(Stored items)
______________________________
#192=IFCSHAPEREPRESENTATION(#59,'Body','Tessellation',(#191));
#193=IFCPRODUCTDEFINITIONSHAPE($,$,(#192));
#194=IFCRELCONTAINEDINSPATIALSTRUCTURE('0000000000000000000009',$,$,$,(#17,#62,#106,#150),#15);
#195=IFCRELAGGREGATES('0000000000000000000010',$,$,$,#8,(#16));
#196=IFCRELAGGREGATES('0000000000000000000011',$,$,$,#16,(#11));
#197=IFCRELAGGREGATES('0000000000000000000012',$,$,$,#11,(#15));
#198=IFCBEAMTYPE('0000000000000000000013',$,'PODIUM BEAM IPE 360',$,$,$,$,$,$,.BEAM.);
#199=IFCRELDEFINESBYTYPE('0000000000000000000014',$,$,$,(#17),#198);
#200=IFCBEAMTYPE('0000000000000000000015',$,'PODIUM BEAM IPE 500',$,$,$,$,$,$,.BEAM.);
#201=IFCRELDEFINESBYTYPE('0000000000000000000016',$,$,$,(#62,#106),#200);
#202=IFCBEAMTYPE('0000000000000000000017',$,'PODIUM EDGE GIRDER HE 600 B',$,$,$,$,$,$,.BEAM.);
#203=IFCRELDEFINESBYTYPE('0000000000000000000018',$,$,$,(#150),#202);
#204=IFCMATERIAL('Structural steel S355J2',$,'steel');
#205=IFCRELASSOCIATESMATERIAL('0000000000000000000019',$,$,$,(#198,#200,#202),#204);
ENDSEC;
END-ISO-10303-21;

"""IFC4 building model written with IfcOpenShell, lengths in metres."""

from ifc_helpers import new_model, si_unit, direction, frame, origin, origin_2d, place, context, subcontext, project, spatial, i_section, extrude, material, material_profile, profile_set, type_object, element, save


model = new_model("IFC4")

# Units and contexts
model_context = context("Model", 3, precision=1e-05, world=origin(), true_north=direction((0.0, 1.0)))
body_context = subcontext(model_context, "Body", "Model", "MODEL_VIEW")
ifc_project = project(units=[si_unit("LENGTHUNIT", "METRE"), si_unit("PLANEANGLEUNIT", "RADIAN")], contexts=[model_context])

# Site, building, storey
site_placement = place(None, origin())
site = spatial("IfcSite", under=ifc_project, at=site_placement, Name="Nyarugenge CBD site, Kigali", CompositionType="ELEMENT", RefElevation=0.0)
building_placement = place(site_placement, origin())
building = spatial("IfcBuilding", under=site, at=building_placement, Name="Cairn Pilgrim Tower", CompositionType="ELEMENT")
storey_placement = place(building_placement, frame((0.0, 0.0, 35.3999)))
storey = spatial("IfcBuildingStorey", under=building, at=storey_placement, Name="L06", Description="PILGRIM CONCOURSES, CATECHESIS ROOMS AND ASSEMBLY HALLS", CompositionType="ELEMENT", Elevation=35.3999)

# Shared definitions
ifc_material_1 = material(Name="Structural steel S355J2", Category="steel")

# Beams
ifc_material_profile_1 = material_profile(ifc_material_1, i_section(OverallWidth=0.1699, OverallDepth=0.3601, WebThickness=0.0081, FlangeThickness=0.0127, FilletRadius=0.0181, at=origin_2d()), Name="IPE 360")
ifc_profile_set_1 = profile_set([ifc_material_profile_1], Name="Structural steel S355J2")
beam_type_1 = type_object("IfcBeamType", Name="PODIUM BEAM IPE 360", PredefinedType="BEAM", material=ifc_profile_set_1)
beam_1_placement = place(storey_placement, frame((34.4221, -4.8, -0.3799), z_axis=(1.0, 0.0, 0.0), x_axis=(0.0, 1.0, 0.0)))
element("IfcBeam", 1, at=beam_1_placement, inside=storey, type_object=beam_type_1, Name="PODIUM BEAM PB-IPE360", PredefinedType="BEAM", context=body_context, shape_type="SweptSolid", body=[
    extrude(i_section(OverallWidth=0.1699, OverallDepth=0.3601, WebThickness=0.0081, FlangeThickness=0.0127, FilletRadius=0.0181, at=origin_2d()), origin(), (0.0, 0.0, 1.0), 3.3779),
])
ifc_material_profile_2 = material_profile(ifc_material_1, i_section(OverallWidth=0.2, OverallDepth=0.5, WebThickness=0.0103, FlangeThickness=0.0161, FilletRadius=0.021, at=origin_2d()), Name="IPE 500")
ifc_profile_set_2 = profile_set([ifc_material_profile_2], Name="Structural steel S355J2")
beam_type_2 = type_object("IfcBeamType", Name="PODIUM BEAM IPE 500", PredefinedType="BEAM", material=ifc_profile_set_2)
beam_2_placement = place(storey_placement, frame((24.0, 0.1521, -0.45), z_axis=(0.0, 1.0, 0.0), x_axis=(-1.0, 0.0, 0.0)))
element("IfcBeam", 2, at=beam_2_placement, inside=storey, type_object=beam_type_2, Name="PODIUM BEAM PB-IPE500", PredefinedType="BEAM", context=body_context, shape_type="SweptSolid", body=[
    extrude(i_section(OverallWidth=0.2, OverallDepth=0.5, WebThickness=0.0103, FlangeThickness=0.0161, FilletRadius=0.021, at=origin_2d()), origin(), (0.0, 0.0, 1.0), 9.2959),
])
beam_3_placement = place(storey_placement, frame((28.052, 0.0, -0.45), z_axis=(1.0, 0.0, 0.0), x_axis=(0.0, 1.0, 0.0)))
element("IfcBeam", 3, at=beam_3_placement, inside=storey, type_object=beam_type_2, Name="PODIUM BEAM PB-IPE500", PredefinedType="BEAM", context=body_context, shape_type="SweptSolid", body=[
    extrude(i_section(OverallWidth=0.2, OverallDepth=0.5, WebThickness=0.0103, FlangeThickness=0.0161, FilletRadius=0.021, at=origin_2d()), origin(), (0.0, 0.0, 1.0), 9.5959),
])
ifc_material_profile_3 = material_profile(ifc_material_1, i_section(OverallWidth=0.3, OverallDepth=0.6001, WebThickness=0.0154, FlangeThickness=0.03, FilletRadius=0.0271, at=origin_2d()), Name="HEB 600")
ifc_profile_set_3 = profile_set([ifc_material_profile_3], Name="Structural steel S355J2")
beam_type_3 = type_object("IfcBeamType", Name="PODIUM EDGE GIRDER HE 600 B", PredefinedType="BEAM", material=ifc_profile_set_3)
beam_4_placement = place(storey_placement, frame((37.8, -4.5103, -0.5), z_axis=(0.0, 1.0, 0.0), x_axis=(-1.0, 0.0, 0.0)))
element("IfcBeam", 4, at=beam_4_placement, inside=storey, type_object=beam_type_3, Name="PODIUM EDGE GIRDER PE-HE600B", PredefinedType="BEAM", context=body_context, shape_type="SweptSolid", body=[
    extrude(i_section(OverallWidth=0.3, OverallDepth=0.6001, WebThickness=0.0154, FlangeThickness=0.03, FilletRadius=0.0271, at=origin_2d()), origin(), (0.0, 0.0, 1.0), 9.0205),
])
______________________________
• **ACTIVITY**: Lines that hold "direction" are the ones to copy, so pick each out from the data.

• **WORKED SOLUTION**:
from ifc_helpers import new_model, si_unit, direction, frame, origin, origin_2d, place, context, subcontext, project, spatial, i_section, extrude, material, material_profile, profile_set, type_object, element, save
model_context = context("Model", 3, precision=1e-05, world=origin(), true_north=direction((0.0, 1.0)))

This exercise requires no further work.